_Problem requirements_. Check each line of the entries below for the word "IFCLOCALPLACEMENT", and copy the lines that have it.

_Material provided_.
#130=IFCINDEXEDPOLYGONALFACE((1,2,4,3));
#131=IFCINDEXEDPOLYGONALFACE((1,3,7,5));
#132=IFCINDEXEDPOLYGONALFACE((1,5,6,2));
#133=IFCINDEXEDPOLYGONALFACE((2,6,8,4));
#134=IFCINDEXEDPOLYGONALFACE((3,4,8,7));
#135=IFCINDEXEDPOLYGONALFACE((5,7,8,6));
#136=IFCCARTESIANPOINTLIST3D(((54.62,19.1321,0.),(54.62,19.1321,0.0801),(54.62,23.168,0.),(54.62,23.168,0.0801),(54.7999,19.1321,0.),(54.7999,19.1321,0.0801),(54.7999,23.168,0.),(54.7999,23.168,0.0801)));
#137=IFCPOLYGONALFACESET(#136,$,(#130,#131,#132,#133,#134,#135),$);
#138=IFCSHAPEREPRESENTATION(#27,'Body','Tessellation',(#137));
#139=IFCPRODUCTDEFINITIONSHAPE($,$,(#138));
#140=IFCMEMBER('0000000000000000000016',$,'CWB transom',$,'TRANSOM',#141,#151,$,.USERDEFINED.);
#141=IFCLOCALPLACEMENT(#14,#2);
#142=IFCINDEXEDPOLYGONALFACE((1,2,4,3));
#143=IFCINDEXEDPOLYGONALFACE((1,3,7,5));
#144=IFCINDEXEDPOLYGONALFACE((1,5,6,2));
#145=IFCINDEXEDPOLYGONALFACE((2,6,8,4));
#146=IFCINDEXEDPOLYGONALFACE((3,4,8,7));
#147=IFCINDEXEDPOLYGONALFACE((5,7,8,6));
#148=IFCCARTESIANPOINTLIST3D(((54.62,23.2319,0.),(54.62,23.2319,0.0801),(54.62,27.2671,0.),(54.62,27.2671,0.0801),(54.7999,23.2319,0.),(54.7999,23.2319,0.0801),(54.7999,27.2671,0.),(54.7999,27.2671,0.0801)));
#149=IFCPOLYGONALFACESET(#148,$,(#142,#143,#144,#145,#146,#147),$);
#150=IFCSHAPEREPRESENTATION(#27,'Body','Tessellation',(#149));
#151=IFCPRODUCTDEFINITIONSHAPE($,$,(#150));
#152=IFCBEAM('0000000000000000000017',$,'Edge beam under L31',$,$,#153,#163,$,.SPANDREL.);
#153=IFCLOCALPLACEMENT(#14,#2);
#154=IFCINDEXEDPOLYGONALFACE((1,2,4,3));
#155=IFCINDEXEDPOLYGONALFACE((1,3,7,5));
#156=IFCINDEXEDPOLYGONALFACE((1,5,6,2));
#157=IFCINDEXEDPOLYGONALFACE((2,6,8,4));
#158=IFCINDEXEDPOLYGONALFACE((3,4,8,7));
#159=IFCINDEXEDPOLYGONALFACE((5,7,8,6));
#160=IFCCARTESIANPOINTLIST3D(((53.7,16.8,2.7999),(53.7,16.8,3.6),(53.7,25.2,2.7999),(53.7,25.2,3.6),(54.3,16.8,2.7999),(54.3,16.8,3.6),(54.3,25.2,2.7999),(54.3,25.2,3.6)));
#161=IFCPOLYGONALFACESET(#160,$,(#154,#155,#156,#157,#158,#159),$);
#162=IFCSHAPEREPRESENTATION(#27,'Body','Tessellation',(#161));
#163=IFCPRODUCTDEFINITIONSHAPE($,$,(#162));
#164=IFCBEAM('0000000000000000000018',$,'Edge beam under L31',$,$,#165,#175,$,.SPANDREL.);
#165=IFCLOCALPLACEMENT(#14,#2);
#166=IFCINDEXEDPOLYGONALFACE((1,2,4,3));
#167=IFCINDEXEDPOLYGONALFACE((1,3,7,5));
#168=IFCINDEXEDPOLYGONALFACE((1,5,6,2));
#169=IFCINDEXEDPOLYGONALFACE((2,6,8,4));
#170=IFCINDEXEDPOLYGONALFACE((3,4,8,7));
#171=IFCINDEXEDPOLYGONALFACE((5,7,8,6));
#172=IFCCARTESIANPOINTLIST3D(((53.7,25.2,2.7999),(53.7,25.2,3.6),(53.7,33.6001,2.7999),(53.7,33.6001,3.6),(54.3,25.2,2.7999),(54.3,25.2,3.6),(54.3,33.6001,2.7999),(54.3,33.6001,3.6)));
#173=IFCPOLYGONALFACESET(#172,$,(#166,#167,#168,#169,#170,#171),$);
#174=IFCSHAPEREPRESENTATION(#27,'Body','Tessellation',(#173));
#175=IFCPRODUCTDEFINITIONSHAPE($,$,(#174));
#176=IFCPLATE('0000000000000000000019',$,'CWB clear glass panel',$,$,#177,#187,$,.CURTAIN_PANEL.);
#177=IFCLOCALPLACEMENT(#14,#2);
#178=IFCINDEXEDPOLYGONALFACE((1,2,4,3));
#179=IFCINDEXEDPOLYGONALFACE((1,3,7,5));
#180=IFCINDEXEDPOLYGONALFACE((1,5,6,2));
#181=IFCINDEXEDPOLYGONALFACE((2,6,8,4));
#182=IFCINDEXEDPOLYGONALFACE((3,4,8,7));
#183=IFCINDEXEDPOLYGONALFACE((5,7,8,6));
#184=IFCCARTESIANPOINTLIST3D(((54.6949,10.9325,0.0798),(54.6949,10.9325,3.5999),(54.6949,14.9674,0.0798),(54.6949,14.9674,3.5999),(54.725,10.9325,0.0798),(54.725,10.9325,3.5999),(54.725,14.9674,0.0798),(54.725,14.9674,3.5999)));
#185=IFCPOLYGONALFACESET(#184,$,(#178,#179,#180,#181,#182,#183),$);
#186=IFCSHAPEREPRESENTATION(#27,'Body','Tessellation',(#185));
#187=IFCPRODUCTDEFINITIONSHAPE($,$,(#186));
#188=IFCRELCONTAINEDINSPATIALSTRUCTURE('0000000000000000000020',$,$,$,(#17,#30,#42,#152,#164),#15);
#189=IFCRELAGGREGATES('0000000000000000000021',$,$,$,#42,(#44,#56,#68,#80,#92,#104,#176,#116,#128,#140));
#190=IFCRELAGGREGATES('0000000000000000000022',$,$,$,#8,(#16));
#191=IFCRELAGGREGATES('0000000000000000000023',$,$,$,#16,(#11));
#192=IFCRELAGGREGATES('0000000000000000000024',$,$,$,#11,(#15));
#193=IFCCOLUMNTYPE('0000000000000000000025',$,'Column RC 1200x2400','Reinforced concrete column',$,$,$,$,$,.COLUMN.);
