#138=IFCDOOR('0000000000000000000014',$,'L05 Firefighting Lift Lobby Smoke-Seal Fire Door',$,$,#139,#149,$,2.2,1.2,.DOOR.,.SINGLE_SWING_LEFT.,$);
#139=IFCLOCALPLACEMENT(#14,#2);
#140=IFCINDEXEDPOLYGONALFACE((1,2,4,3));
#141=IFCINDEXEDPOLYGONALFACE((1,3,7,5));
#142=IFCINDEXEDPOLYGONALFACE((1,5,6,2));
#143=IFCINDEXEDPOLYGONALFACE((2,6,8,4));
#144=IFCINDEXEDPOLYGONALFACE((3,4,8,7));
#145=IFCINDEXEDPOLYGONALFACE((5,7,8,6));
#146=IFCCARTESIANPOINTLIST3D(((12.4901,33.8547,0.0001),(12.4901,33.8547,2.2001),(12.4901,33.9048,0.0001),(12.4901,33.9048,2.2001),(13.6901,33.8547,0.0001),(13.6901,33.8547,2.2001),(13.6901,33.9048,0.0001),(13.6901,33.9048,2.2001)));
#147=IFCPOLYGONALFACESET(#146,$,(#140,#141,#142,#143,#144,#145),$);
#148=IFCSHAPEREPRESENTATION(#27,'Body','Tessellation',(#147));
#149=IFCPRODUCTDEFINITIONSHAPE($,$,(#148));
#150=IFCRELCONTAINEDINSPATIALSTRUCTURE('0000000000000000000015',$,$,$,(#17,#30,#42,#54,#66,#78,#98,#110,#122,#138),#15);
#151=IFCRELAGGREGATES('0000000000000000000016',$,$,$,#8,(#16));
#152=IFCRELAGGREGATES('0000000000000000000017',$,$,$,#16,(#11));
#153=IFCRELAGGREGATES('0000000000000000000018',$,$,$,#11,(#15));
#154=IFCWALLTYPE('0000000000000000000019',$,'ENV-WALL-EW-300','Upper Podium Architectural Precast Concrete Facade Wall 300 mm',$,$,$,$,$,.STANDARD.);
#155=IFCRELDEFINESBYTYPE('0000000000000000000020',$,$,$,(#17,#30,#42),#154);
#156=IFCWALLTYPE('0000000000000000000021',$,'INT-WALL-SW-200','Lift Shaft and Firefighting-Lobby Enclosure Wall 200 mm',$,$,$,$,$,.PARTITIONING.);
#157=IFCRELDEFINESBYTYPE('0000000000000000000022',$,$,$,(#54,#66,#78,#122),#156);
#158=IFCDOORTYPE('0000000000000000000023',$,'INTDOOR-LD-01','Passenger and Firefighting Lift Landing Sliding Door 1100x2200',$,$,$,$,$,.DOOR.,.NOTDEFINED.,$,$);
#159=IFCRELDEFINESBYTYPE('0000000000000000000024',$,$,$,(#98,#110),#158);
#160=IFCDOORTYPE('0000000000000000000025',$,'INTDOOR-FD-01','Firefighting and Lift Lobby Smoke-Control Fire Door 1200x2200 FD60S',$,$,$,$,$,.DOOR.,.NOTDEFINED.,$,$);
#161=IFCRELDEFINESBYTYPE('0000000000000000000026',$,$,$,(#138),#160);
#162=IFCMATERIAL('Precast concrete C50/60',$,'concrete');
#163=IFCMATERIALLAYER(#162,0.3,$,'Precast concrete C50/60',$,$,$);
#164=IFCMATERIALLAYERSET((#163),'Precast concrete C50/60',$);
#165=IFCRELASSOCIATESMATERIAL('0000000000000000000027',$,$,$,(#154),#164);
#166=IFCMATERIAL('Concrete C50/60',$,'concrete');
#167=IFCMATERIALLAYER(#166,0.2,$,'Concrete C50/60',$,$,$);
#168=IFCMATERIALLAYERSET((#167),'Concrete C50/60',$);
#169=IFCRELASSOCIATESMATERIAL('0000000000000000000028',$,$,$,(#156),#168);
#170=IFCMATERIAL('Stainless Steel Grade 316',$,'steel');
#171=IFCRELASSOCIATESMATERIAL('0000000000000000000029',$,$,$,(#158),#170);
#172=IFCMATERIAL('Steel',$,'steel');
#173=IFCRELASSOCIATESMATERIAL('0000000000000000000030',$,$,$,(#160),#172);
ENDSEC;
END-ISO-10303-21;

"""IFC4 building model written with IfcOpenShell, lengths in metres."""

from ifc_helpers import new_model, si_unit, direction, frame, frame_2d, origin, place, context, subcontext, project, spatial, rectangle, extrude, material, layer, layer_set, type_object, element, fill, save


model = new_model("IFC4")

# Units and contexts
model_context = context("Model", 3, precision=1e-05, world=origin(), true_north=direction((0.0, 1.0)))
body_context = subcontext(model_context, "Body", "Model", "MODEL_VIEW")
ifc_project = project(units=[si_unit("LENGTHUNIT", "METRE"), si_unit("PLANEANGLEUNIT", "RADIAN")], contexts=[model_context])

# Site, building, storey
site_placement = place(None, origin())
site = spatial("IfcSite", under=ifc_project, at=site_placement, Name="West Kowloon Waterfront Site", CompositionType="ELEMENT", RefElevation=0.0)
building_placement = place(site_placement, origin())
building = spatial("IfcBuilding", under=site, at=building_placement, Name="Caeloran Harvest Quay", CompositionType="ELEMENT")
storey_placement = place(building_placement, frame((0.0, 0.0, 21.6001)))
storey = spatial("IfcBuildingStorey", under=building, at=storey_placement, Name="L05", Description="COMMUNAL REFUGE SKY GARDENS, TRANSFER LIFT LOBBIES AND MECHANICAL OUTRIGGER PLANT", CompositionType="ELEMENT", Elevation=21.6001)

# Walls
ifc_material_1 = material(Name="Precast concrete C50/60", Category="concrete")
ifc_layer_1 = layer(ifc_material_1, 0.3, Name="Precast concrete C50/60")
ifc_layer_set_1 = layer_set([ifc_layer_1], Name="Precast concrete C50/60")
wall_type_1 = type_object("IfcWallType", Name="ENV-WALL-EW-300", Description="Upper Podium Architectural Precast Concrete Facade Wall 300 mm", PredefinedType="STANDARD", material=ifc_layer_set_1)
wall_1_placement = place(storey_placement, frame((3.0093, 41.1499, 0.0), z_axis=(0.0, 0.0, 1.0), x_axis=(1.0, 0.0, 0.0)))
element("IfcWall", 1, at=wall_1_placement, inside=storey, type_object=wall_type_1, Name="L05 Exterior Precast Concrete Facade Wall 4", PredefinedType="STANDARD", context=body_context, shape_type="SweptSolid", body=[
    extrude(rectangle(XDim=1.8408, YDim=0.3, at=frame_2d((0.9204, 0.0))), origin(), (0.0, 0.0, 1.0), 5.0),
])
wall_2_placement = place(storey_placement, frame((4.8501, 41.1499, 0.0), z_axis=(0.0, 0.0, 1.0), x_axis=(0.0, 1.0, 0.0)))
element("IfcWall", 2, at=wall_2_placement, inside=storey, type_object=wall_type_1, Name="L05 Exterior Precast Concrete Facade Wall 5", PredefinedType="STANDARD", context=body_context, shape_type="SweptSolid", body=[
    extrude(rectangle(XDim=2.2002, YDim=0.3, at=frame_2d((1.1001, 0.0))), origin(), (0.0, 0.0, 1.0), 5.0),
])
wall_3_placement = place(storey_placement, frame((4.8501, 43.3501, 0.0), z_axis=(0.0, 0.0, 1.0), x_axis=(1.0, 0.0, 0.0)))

_Answer to the problem_.
#141=IFCLOCALPLACEMENT(#14,#2);
#153=IFCLOCALPLACEMENT(#14,#2);
#165=IFCLOCALPLACEMENT(#14,#2);
#177=IFCLOCALPLACEMENT(#14,#2);
#139=IFCLOCALPLACEMENT(#14,#2);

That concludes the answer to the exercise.